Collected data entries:
-- Opening Marker --
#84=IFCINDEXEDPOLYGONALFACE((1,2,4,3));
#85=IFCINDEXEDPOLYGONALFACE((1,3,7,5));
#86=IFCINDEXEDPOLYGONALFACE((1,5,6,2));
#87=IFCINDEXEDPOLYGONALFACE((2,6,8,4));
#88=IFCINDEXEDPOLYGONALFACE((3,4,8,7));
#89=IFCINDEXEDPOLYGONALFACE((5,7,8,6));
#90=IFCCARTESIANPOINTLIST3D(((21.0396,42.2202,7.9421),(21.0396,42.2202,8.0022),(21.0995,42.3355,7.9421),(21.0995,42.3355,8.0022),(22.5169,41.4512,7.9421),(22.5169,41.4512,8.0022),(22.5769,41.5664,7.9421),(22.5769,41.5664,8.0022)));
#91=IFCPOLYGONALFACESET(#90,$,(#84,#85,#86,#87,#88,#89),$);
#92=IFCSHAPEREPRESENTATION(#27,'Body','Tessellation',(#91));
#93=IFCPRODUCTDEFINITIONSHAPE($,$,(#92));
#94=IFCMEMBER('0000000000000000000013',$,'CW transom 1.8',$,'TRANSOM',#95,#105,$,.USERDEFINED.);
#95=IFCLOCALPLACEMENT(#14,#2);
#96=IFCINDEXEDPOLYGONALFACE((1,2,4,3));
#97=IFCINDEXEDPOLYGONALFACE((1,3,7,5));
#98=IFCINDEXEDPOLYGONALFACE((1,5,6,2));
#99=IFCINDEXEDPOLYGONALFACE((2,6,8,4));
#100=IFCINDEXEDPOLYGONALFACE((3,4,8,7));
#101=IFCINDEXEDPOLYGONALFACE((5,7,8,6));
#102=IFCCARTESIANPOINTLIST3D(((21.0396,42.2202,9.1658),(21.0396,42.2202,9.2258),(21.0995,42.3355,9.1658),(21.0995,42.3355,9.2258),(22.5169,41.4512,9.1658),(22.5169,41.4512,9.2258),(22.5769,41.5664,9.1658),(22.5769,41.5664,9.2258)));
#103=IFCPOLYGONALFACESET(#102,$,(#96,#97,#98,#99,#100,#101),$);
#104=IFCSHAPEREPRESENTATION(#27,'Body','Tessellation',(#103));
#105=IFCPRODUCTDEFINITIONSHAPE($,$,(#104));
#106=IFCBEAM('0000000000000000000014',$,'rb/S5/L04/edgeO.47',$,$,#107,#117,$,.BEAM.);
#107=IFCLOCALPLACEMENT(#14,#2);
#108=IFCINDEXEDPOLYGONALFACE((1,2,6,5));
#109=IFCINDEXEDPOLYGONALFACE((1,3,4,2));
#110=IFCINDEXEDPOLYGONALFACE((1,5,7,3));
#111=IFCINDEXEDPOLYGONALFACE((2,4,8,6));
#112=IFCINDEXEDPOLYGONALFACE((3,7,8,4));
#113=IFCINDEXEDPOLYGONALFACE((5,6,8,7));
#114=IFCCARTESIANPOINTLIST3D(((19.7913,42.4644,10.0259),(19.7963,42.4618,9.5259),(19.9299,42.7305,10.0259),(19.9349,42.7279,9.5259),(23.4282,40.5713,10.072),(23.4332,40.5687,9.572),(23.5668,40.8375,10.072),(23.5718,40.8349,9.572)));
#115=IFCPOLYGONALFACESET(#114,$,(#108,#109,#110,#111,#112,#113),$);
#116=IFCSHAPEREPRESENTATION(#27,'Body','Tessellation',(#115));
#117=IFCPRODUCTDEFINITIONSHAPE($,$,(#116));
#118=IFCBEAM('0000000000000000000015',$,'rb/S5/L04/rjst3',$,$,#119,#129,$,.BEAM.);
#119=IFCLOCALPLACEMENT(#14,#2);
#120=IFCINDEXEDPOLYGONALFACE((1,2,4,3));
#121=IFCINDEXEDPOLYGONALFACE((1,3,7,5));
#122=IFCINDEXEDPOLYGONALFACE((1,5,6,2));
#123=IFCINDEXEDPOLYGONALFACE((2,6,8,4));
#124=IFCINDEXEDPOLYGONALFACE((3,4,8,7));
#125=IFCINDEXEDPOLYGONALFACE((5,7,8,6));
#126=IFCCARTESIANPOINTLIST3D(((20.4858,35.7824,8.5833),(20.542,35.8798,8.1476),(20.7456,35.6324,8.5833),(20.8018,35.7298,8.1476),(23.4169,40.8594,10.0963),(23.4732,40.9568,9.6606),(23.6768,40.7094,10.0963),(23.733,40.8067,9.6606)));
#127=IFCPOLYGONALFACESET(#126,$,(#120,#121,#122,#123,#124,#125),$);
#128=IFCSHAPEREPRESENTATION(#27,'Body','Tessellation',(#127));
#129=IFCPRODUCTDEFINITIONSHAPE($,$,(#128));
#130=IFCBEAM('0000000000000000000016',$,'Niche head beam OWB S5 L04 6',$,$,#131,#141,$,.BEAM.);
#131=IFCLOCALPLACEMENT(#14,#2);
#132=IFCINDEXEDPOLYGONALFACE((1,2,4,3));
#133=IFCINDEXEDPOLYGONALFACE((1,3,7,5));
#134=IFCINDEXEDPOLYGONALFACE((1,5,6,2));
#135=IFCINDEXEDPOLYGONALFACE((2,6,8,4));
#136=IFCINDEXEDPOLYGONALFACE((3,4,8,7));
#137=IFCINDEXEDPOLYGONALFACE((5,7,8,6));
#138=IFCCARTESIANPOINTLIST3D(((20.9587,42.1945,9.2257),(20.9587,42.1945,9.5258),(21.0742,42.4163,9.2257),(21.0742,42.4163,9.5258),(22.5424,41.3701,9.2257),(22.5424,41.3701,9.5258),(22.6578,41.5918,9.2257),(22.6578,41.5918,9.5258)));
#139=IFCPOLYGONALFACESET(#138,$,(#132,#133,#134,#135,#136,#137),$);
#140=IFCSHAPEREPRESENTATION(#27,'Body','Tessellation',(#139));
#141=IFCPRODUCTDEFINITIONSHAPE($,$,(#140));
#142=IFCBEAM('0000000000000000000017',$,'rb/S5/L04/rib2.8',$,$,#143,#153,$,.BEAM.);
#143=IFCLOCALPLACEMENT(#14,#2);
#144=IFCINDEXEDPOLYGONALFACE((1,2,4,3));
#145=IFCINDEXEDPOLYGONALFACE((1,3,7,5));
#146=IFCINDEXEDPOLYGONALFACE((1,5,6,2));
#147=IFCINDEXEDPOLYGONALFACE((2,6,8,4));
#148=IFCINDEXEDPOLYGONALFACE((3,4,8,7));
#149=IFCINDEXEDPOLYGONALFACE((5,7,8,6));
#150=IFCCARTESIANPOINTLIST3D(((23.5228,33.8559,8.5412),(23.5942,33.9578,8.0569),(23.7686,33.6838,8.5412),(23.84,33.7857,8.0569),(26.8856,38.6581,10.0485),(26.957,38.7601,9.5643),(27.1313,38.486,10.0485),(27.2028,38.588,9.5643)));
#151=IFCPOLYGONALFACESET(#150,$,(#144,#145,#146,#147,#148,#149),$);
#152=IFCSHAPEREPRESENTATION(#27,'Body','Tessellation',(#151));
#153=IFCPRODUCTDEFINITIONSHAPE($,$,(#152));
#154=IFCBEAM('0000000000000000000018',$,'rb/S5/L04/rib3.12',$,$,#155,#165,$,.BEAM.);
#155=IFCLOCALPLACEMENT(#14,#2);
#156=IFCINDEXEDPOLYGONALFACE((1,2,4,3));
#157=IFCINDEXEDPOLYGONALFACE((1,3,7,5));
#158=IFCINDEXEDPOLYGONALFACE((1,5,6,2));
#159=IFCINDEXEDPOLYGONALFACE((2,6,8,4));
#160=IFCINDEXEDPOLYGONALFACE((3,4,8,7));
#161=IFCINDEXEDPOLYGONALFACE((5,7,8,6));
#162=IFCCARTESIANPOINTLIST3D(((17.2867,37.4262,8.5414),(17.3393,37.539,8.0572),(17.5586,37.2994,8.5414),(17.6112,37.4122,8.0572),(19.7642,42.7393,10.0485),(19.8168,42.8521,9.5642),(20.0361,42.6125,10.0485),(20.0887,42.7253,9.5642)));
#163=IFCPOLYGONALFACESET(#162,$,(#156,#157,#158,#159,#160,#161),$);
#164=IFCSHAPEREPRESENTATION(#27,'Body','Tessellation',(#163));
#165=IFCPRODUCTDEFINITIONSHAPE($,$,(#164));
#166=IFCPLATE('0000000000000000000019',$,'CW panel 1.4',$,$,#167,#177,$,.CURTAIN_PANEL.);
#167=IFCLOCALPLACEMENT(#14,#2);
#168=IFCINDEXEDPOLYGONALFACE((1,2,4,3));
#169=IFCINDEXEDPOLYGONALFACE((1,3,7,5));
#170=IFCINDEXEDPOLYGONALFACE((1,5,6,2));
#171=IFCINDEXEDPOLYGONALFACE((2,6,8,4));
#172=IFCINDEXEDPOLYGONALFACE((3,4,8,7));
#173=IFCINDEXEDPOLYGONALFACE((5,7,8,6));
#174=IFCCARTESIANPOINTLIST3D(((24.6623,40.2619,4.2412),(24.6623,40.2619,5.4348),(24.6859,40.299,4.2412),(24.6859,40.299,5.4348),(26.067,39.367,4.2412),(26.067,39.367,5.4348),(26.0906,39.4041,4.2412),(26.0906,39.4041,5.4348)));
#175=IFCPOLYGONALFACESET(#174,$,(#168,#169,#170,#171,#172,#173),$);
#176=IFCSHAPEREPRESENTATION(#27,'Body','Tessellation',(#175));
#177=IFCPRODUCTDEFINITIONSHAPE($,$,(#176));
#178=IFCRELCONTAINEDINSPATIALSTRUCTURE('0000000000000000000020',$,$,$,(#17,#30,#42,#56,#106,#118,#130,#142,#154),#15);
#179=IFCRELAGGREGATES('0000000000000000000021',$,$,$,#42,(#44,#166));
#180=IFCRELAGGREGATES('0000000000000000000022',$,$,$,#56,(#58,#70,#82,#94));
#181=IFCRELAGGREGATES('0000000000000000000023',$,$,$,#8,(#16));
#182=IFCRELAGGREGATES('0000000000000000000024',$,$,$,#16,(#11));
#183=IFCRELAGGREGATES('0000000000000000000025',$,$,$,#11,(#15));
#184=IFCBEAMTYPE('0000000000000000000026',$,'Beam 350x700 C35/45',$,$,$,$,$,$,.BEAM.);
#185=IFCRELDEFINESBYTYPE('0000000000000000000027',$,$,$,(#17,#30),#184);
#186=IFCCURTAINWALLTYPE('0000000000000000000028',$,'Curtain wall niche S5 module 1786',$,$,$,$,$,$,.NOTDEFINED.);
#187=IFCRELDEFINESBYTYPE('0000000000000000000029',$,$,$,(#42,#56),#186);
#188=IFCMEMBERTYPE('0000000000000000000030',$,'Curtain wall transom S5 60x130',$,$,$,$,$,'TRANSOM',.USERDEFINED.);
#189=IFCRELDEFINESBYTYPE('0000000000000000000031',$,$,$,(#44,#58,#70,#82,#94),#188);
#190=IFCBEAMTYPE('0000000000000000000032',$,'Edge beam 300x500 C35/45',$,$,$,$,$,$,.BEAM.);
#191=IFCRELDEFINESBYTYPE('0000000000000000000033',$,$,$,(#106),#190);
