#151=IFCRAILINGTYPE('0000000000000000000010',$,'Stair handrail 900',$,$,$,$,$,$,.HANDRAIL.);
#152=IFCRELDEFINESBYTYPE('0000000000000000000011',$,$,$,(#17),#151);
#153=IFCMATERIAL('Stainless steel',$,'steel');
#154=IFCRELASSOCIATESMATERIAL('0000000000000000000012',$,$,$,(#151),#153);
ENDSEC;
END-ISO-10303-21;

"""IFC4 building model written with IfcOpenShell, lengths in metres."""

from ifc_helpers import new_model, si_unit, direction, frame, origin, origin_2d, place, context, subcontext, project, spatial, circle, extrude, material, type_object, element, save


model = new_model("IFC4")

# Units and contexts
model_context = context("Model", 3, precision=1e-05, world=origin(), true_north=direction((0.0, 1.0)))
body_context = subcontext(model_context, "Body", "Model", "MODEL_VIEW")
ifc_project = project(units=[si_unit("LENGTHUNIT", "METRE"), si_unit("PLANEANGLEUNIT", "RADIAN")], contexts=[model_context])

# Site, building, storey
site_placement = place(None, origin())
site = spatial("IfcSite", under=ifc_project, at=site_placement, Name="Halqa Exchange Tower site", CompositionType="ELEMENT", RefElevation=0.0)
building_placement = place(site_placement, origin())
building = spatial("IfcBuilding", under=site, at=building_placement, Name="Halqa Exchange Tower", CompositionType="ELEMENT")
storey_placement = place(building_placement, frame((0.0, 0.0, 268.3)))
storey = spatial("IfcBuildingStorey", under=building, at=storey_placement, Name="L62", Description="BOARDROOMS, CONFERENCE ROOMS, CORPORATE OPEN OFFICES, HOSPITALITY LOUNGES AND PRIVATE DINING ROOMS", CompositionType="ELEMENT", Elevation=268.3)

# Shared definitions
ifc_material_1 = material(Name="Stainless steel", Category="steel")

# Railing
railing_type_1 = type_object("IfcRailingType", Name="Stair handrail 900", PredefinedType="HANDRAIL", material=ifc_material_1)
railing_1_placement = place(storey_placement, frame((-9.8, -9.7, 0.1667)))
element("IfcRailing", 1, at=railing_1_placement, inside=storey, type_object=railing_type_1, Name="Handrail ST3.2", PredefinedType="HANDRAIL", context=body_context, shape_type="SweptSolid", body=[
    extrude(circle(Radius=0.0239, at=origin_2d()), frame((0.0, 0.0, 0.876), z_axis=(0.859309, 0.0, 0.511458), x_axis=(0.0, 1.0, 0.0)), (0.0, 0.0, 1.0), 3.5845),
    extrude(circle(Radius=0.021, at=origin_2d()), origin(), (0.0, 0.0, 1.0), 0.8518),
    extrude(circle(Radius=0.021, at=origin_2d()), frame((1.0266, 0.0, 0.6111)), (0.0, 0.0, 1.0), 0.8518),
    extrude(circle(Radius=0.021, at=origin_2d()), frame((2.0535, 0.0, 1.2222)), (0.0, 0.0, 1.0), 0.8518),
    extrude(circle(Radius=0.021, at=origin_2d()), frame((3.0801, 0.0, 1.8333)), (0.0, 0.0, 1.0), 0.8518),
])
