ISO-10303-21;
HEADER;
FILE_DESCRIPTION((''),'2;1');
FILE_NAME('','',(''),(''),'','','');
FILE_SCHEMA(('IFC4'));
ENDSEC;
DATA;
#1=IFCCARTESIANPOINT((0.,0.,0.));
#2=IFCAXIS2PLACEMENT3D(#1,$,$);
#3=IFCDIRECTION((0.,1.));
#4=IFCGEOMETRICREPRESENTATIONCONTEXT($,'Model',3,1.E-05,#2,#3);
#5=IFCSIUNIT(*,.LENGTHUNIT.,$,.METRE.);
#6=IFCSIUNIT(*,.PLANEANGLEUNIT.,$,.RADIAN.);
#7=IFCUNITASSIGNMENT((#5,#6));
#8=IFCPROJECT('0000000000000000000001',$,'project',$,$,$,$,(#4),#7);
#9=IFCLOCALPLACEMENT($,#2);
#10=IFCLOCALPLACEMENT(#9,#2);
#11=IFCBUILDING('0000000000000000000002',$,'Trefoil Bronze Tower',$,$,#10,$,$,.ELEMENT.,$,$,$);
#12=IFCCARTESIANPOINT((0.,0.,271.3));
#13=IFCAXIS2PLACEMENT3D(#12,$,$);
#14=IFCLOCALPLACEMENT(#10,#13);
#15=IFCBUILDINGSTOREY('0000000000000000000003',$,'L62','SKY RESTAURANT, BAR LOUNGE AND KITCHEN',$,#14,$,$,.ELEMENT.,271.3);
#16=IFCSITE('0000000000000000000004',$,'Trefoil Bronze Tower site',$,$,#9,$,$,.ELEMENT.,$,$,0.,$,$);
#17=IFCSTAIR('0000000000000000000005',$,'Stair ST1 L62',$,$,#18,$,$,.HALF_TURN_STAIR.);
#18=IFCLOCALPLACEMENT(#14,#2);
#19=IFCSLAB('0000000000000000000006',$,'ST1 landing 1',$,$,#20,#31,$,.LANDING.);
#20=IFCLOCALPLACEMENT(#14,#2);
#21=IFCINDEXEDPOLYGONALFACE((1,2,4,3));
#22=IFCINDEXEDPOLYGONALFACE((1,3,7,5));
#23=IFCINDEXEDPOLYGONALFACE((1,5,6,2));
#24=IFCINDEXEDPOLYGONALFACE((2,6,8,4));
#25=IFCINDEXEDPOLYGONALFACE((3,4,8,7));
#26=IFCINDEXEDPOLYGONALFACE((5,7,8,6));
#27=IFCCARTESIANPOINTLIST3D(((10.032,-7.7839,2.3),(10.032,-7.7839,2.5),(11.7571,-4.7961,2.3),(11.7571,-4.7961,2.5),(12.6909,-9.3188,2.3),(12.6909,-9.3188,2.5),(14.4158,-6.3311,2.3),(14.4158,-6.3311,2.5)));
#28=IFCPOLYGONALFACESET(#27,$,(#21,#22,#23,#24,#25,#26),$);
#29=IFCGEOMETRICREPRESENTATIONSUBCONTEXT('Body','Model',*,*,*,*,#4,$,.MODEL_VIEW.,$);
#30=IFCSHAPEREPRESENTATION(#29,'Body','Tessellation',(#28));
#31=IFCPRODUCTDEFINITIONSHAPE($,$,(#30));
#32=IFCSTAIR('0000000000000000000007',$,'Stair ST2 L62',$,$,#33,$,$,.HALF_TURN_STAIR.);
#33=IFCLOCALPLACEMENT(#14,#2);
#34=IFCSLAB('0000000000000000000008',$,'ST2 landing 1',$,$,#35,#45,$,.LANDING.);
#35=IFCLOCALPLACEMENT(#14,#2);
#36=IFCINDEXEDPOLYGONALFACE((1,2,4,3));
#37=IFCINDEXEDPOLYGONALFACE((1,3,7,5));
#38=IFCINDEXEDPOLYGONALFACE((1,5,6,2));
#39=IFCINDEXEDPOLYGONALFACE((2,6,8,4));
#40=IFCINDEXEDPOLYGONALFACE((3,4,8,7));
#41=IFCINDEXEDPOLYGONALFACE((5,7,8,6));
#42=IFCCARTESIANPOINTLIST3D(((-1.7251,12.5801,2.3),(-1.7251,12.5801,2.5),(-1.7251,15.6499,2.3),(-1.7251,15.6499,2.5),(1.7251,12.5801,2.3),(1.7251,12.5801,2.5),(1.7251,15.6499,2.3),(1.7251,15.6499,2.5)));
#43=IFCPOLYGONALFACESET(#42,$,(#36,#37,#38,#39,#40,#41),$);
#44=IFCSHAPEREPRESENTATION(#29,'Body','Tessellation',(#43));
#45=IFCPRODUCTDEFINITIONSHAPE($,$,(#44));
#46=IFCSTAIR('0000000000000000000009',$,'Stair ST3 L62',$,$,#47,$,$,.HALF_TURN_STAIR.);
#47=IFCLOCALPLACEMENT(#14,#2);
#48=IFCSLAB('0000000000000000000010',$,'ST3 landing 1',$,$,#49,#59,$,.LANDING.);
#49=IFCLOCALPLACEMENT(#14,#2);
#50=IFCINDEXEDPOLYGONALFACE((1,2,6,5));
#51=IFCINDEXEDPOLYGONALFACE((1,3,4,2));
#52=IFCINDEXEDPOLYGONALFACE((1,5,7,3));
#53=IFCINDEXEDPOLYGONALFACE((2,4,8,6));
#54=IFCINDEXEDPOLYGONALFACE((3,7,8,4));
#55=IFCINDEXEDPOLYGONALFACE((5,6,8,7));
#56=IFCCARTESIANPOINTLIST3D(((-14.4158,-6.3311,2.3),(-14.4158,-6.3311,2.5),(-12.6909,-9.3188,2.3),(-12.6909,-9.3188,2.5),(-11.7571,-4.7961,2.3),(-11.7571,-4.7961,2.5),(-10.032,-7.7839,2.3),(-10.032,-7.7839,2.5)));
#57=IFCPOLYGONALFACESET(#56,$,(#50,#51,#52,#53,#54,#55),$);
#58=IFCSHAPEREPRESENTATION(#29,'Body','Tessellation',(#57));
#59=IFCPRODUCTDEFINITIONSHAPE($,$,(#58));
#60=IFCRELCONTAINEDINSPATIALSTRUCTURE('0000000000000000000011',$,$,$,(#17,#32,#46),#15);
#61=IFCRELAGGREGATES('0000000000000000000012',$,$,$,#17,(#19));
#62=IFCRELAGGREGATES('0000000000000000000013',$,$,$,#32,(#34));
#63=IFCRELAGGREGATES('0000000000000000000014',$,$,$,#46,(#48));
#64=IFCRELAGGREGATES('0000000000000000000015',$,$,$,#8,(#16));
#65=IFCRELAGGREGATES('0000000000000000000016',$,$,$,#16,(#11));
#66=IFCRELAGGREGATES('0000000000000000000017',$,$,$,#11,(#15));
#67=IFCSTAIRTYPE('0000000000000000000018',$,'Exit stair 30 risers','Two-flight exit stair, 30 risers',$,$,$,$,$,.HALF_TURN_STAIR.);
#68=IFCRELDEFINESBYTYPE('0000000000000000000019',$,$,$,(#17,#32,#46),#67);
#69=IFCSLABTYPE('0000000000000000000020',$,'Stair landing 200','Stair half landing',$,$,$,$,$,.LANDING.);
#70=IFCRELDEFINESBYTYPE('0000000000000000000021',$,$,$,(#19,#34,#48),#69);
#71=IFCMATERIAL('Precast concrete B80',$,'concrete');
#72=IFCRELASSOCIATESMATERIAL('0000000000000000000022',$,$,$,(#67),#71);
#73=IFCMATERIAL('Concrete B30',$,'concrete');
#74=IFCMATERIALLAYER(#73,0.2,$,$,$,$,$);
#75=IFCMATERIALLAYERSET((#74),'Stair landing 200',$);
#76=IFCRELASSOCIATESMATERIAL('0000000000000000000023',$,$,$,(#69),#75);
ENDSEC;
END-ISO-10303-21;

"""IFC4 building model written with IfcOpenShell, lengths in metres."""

from ifc_helpers import new_model, si_unit, direction, frame, origin, place, context, subcontext, project, spatial, polyline, outline, extrude, material, layer, layer_set, type_object, element, aggregate, save


model = new_model("IFC4")

# Units and contexts
model_context = context("Model", 3, precision=1e-05, world=origin(), true_north=direction((0.0, 1.0)))
body_context = subcontext(model_context, "Body", "Model", "MODEL_VIEW")
ifc_project = project(units=[si_unit("LENGTHUNIT", "METRE"), si_unit("PLANEANGLEUNIT", "RADIAN")], contexts=[model_context])

# Site, building, storey
site_placement = place(None, origin())
site = spatial("IfcSite", under=ifc_project, at=site_placement, Name="Trefoil Bronze Tower site", CompositionType="ELEMENT", RefElevation=0.0)
building_placement = place(site_placement, origin())
building = spatial("IfcBuilding", under=site, at=building_placement, Name="Trefoil Bronze Tower", CompositionType="ELEMENT")
storey_placement = place(building_placement, frame((0.0, 0.0, 271.3)))
storey = spatial("IfcBuildingStorey", under=building, at=storey_placement, Name="L62", Description="SKY RESTAURANT, BAR LOUNGE AND KITCHEN", CompositionType="ELEMENT", Elevation=271.3)

# Stairs, slabs
ifc_material_1 = material(Name="Precast concrete B80", Category="concrete")
stair_type = type_object("IfcStairType", Name="Exit stair 30 risers", Description="Two-flight exit stair, 30 risers", PredefinedType="HALF_TURN_STAIR", material=ifc_material_1)
stair_1_placement = place(storey_placement, origin())
stair_1 = element("IfcStair", 1, at=stair_1_placement, inside=storey, type_object=stair_type, Name="Stair ST1 L62", PredefinedType="HALF_TURN_STAIR")
ifc_material_2 = material(Name="Concrete B30", Category="concrete")
ifc_layer_1 = layer(ifc_material_2, 0.2)
ifc_layer_set_1 = layer_set([ifc_layer_1], Name="Stair landing 200")
slab_type = type_object("IfcSlabType", Name="Stair landing 200", Description="Stair half landing", PredefinedType="LANDING", material=ifc_layer_set_1)
slab_1_placement = place(storey_placement, frame((0.0, 0.0, 2.3)))
slab_1 = element("IfcSlab", 2, at=slab_1_placement, type_object=slab_type, Name="ST1 landing 1", PredefinedType="LANDING", context=body_context, shape_type="SweptSolid", body=[
    extrude(outline(polyline([(10.032, -7.7839), (12.6909, -9.3188), (14.4158, -6.3311), (11.7571, -4.7961), (10.032, -7.7839)])), origin(), (0.0, 0.0, 1.0), 0.2),
])
aggregate(stair_1, [slab_1])
stair_2_placement = place(storey_placement, origin())
stair_2 = element("IfcStair", 3, at=stair_2_placement, inside=storey, type_object=stair_type, Name="Stair ST2 L62", PredefinedType="HALF_TURN_STAIR")
slab_2_placement = place(storey_placement, frame((0.0, 0.0, 2.3)))
slab_2 = element("IfcSlab", 4, at=slab_2_placement, type_object=slab_type, Name="ST2 landing 1", PredefinedType="LANDING", context=body_context, shape_type="SweptSolid", body=[
    extrude(outline(polyline([(1.7251, 12.5801), (1.7251, 15.6499), (-1.7251, 15.6499), (-1.7251, 12.5801), (1.7251, 12.5801)])), origin(), (0.0, 0.0, 1.0), 0.2),
])
aggregate(stair_2, [slab_2])
stair_3_placement = place(storey_placement, origin())
stair_3 = element("IfcStair", 5, at=stair_3_placement, inside=storey, type_object=stair_type, Name="Stair ST3 L62", PredefinedType="HALF_TURN_STAIR")
slab_3_placement = place(storey_placement, frame((0.0, 0.0, 2.3)))
slab_3 = element("IfcSlab", 6, at=slab_3_placement, type_object=slab_type, Name="ST3 landing 1", PredefinedType="LANDING", context=body_context, shape_type="SweptSolid", body=[
    extrude(outline(polyline([(-11.7571, -4.7961), (-14.4158, -6.3311), (-12.6909, -9.3188), (-10.032, -7.7839), (-11.7571, -4.7961)])), origin(), (0.0, 0.0, 1.0), 0.2),
])
aggregate(stair_3, [slab_3])

save(model, "model.ifc")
-- Closing Marker --
Copy every line of the data where "Stainless" is found.

Written solution:
#153=IFCMATERIAL('Stainless steel',$,'steel');
ifc_material_1 = material(Name="Stainless steel", Category="steel")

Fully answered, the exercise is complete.